> **Material for this task**:
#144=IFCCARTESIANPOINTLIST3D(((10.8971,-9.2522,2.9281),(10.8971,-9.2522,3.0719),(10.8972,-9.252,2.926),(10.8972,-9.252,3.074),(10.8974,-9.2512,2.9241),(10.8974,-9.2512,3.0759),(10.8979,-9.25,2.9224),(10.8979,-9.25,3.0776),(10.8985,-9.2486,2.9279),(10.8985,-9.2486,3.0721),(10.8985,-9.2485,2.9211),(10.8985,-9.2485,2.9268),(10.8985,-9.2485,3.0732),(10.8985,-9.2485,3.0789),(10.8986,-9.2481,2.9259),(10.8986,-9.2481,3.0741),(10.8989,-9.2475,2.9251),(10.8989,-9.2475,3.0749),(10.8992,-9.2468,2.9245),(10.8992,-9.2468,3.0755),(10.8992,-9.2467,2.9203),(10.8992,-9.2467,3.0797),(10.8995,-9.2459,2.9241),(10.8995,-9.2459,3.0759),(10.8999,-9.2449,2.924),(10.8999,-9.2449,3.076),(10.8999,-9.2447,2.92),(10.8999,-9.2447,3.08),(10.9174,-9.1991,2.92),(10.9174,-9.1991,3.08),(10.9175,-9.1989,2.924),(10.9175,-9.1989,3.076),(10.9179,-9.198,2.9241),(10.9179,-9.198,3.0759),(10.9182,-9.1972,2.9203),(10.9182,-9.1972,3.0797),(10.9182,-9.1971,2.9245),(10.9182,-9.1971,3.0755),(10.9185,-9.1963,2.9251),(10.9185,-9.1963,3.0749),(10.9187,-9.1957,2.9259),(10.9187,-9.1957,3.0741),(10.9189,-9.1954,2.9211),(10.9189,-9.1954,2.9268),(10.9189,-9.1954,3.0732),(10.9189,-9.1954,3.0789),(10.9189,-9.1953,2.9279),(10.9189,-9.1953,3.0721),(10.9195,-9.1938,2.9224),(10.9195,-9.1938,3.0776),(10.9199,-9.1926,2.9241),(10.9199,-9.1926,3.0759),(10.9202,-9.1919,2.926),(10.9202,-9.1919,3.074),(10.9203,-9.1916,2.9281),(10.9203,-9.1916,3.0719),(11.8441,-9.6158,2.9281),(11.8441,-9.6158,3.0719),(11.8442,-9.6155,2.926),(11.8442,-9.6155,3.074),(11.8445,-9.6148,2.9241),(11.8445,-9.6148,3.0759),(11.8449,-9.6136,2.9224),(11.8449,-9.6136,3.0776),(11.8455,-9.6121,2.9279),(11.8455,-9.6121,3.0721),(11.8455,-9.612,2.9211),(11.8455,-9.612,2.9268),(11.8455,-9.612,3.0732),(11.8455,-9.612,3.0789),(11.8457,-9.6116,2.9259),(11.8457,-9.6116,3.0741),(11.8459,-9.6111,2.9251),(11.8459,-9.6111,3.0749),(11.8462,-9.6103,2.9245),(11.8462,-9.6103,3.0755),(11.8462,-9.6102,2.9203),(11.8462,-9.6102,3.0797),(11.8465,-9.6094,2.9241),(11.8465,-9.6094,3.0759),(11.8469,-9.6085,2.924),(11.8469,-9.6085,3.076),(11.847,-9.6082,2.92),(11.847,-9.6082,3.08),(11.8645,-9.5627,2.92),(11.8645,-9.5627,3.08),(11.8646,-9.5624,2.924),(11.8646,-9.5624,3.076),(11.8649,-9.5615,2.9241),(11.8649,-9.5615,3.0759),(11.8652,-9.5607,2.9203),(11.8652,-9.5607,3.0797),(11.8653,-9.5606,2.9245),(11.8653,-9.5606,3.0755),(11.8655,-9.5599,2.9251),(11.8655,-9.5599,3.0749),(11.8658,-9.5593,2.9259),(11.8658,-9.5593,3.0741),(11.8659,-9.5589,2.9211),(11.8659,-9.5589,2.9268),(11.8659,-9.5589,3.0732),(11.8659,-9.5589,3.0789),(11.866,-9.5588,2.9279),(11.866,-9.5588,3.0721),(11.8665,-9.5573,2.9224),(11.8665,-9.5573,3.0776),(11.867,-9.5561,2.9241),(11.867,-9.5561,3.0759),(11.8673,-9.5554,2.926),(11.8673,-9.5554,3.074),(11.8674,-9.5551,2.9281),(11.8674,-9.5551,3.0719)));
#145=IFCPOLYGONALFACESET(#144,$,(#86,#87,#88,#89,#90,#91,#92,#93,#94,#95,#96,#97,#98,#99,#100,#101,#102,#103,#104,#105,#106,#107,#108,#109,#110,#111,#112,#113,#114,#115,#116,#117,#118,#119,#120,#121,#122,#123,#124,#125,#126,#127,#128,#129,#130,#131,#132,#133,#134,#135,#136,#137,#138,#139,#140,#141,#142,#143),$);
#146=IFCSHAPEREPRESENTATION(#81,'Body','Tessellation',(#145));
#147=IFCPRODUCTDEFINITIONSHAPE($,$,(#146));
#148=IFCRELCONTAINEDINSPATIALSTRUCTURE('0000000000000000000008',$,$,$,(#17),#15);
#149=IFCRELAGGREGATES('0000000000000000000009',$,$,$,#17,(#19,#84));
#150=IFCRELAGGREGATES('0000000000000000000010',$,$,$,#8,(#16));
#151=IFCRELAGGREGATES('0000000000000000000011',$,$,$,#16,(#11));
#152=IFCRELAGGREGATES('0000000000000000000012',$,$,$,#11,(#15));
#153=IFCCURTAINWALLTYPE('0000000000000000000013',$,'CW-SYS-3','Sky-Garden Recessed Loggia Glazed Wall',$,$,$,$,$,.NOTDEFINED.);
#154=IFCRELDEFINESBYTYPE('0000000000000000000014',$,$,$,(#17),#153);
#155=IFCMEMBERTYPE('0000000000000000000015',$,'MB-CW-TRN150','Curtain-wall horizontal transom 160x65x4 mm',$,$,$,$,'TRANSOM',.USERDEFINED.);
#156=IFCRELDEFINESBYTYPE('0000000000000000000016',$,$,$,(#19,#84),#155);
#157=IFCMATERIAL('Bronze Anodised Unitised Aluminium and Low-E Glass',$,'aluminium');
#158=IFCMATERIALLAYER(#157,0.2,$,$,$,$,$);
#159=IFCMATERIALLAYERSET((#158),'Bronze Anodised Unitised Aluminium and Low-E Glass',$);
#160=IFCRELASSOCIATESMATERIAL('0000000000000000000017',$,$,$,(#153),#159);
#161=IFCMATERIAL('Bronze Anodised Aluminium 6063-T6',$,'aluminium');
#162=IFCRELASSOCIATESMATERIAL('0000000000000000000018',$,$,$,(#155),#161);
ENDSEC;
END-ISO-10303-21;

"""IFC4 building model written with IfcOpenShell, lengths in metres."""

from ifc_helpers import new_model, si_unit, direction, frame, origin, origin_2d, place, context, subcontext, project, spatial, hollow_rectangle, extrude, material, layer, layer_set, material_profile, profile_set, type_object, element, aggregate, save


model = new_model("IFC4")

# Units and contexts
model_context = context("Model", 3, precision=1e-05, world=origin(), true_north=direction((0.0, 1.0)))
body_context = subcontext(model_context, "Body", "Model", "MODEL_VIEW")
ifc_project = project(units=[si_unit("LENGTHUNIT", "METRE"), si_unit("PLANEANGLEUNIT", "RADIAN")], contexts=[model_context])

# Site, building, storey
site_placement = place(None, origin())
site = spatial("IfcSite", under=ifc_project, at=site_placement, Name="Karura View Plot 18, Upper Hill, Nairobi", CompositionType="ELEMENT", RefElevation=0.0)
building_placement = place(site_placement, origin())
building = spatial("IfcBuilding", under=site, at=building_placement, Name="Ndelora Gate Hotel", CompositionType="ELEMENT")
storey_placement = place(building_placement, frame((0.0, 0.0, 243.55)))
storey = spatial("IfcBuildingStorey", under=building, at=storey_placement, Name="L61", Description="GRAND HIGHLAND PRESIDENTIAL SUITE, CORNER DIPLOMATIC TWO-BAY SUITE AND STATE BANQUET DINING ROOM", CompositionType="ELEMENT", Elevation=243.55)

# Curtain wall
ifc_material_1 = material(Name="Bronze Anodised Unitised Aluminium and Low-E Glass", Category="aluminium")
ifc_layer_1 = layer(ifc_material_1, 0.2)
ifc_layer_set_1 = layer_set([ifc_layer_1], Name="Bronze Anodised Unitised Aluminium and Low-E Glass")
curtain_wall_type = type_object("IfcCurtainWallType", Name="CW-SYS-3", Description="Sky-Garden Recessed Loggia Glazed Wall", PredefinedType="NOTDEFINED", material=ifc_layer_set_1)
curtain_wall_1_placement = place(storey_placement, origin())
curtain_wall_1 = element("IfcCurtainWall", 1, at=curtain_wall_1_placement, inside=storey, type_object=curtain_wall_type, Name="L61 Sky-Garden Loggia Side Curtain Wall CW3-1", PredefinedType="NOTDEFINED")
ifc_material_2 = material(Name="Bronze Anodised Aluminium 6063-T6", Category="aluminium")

> **Assignment**:
Restate word for word the lines in the material above from the one with "ifc_layer_1 = layer(ifc_material_1, 0.2)" to the one with "curtain_wall_1_placement = place(storey_placement, origin())"; both of those lines count, and nothing else does.

> **Answer to this exercise**:
ifc_layer_1 = layer(ifc_material_1, 0.2)
ifc_layer_set_1 = layer_set([ifc_layer_1], Name="Bronze Anodised Unitised Aluminium and Low-E Glass")
curtain_wall_type = type_object("IfcCurtainWallType", Name="CW-SYS-3", Description="Sky-Garden Recessed Loggia Glazed Wall", PredefinedType="NOTDEFINED", material=ifc_layer_set_1)
curtain_wall_1_placement = place(storey_placement, origin())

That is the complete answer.